Requirement:
Find the lines below that contain the string "WallThickness". Copy each one.

──────── Extracted records

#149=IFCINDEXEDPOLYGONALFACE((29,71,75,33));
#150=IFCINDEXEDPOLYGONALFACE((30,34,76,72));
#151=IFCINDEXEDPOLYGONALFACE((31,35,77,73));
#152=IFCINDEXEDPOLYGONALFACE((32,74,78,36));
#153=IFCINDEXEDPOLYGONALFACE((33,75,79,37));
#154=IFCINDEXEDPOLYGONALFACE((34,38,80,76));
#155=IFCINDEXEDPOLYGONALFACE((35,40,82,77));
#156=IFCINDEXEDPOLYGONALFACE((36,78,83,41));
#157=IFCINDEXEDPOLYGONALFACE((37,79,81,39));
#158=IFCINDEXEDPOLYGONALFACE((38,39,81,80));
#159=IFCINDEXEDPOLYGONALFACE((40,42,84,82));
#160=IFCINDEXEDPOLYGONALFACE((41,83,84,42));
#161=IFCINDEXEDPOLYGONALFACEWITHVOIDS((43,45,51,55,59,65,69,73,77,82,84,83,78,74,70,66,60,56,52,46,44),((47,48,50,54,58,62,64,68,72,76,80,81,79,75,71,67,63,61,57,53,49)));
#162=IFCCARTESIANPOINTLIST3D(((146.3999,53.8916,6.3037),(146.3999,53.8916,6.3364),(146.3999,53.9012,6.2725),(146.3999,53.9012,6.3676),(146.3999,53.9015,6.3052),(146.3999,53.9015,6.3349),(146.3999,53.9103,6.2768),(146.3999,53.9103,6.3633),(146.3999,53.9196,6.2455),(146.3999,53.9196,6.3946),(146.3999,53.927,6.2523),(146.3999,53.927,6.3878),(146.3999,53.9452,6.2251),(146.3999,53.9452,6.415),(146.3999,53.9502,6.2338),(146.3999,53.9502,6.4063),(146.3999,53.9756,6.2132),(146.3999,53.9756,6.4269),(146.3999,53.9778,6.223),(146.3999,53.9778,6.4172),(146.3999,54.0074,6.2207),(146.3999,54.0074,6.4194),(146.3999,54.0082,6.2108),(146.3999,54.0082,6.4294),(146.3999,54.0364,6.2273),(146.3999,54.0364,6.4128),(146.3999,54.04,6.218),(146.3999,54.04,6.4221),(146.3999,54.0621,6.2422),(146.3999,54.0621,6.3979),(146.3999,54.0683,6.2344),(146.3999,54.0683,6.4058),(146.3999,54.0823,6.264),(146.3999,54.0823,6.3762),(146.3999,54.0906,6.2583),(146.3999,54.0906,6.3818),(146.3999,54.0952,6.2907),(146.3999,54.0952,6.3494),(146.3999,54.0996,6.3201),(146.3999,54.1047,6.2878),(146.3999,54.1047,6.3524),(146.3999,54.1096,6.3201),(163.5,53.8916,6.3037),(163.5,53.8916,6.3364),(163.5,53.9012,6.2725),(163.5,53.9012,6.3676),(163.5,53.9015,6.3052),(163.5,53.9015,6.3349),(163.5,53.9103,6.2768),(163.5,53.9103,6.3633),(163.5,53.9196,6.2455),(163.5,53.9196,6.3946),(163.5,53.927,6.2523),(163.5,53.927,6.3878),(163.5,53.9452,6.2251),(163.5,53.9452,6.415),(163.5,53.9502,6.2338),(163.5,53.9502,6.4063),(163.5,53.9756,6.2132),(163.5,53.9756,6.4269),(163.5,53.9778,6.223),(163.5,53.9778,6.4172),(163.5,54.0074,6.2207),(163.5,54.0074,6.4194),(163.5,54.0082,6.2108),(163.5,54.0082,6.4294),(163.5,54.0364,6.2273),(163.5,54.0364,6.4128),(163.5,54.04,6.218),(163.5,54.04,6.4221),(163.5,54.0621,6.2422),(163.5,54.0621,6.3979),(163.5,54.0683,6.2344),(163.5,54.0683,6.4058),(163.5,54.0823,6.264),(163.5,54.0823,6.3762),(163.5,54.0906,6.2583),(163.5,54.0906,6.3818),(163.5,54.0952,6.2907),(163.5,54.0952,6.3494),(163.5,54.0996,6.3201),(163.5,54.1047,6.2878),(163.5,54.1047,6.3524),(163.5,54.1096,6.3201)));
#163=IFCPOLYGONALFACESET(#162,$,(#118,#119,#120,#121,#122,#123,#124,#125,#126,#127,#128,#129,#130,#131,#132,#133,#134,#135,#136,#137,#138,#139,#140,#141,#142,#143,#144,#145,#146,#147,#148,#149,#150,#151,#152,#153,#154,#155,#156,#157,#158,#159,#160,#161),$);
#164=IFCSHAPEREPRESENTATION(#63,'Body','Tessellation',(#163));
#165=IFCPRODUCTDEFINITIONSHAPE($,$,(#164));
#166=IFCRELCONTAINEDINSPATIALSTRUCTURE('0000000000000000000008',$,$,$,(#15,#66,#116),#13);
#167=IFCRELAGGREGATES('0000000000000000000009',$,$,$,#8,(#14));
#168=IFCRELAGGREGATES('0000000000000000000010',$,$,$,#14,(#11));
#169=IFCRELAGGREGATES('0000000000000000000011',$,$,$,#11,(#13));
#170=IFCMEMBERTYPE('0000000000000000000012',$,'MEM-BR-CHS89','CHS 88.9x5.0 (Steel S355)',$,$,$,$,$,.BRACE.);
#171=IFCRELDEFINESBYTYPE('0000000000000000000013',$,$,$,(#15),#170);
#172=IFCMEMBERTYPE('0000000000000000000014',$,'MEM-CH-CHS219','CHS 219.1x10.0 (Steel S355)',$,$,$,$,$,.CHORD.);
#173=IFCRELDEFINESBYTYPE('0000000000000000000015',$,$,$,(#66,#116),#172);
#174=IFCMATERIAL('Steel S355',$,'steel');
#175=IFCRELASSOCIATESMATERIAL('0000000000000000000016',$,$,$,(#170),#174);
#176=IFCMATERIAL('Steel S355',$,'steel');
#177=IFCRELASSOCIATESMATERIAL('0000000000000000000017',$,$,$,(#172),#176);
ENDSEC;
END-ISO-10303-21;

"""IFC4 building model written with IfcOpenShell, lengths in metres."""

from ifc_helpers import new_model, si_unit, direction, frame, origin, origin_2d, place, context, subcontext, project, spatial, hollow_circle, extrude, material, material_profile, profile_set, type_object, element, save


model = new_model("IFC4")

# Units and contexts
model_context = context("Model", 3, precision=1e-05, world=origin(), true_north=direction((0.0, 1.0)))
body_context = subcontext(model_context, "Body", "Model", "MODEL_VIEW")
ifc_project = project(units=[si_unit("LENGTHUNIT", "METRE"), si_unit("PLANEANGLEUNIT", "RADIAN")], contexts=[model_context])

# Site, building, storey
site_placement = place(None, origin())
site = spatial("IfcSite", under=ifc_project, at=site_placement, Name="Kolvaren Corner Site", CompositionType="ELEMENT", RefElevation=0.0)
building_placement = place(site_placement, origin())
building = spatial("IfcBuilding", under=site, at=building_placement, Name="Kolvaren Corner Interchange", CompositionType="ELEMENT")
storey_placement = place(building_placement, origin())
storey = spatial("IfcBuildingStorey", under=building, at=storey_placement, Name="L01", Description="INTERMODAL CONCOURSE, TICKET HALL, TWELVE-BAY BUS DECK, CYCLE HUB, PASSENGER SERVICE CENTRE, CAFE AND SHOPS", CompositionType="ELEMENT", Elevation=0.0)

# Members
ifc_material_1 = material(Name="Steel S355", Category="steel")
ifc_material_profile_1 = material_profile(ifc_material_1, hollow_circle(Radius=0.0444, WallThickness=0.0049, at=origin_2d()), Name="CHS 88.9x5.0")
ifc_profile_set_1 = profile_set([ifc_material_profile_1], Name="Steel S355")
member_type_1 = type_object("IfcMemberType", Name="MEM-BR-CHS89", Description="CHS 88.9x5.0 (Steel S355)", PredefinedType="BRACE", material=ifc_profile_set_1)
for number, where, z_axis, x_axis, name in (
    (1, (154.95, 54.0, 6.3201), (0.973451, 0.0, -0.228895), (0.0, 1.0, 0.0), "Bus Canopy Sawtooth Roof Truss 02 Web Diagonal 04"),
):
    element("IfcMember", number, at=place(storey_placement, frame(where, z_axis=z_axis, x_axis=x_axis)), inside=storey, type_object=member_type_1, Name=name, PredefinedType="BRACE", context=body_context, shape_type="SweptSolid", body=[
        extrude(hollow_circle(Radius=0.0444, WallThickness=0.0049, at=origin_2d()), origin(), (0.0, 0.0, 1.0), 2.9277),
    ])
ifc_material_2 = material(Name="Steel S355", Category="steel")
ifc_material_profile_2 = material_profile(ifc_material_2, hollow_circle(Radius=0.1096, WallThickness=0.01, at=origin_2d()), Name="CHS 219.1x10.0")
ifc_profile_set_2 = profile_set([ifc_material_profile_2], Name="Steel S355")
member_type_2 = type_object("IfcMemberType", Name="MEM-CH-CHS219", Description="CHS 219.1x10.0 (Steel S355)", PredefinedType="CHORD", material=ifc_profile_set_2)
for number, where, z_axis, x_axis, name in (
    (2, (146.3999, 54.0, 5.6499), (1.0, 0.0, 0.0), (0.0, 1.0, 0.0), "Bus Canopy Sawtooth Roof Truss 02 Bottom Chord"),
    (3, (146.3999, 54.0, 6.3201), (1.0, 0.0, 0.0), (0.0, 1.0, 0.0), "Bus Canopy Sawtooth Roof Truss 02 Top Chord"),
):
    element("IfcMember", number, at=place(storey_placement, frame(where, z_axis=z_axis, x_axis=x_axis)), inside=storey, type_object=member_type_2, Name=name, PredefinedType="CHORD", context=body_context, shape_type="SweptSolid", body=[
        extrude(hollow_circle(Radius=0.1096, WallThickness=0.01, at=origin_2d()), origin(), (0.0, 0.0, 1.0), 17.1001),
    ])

────────────────
──────── Extracted records

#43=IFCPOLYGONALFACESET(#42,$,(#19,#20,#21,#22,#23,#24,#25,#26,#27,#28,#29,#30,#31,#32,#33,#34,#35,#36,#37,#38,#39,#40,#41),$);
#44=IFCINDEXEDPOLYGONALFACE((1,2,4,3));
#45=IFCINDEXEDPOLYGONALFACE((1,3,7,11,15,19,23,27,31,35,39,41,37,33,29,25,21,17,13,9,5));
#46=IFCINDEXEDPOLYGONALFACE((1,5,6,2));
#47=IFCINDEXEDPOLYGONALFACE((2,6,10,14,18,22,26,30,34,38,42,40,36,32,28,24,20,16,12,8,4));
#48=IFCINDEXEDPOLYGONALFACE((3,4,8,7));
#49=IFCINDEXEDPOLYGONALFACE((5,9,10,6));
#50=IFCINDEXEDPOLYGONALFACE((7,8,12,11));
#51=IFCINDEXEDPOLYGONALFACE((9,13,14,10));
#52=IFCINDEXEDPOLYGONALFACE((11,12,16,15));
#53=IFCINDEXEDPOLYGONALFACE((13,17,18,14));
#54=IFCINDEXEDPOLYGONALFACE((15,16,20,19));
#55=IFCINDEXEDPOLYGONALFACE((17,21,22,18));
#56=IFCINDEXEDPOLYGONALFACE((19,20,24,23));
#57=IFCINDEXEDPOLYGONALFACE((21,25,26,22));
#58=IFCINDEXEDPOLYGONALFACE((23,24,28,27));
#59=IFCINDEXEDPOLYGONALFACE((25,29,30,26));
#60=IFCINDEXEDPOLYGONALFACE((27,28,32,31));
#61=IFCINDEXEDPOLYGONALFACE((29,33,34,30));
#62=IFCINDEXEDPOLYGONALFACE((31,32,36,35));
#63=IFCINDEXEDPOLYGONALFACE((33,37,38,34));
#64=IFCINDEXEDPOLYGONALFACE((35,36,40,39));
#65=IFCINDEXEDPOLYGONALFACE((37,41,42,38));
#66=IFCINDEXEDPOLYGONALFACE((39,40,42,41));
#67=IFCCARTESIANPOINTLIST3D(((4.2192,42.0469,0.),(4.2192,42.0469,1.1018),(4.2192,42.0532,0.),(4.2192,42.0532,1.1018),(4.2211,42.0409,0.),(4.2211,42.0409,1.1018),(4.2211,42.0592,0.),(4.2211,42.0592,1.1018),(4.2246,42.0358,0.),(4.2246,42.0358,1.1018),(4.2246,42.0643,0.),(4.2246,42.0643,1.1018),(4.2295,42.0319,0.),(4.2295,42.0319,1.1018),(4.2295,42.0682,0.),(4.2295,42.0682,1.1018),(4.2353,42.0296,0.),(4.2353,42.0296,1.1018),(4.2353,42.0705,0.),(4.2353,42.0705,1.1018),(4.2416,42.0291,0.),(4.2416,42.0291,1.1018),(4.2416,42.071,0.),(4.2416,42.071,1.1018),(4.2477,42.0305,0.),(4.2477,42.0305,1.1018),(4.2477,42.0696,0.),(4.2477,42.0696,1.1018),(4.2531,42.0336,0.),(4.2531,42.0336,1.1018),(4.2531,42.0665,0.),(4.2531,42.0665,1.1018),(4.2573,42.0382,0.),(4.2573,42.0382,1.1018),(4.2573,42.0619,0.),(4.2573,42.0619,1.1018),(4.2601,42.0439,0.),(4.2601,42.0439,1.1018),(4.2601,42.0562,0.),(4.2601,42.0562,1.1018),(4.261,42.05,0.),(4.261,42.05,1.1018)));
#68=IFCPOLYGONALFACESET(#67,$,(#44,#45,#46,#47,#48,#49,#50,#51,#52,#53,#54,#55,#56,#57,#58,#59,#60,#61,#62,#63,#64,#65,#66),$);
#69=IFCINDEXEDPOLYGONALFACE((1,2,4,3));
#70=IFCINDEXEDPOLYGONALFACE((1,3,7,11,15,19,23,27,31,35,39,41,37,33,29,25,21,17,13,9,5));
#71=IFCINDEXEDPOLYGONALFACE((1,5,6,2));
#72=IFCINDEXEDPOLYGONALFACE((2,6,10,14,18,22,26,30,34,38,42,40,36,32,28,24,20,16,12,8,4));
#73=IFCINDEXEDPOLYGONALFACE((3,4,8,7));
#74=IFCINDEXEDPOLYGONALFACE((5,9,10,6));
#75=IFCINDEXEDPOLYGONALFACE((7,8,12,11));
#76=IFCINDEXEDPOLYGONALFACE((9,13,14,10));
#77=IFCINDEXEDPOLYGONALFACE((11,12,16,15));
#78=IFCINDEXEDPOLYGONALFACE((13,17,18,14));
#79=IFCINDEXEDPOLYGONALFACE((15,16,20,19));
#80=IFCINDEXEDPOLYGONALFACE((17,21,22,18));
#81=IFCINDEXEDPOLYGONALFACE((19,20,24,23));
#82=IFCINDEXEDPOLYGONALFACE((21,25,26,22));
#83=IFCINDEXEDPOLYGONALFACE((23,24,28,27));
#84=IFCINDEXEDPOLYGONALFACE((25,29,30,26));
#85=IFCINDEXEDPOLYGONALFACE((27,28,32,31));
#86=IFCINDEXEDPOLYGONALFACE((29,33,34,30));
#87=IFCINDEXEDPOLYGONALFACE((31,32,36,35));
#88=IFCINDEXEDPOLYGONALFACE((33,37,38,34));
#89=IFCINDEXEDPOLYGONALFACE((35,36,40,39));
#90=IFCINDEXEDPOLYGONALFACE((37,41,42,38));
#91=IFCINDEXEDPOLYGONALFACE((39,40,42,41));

────────────────

The answer:
ifc_material_profile_1 = material_profile(ifc_material_1, hollow_circle(Radius=0.0444, WallThickness=0.0049, at=origin_2d()), Name="CHS 88.9x5.0")
        extrude(hollow_circle(Radius=0.0444, WallThickness=0.0049, at=origin_2d()), origin(), (0.0, 0.0, 1.0), 2.9277),
ifc_material_profile_2 = material_profile(ifc_material_2, hollow_circle(Radius=0.1096, WallThickness=0.01, at=origin_2d()), Name="CHS 219.1x10.0")
        extrude(hollow_circle(Radius=0.1096, WallThickness=0.01, at=origin_2d()), origin(), (0.0, 0.0, 1.0), 17.1001),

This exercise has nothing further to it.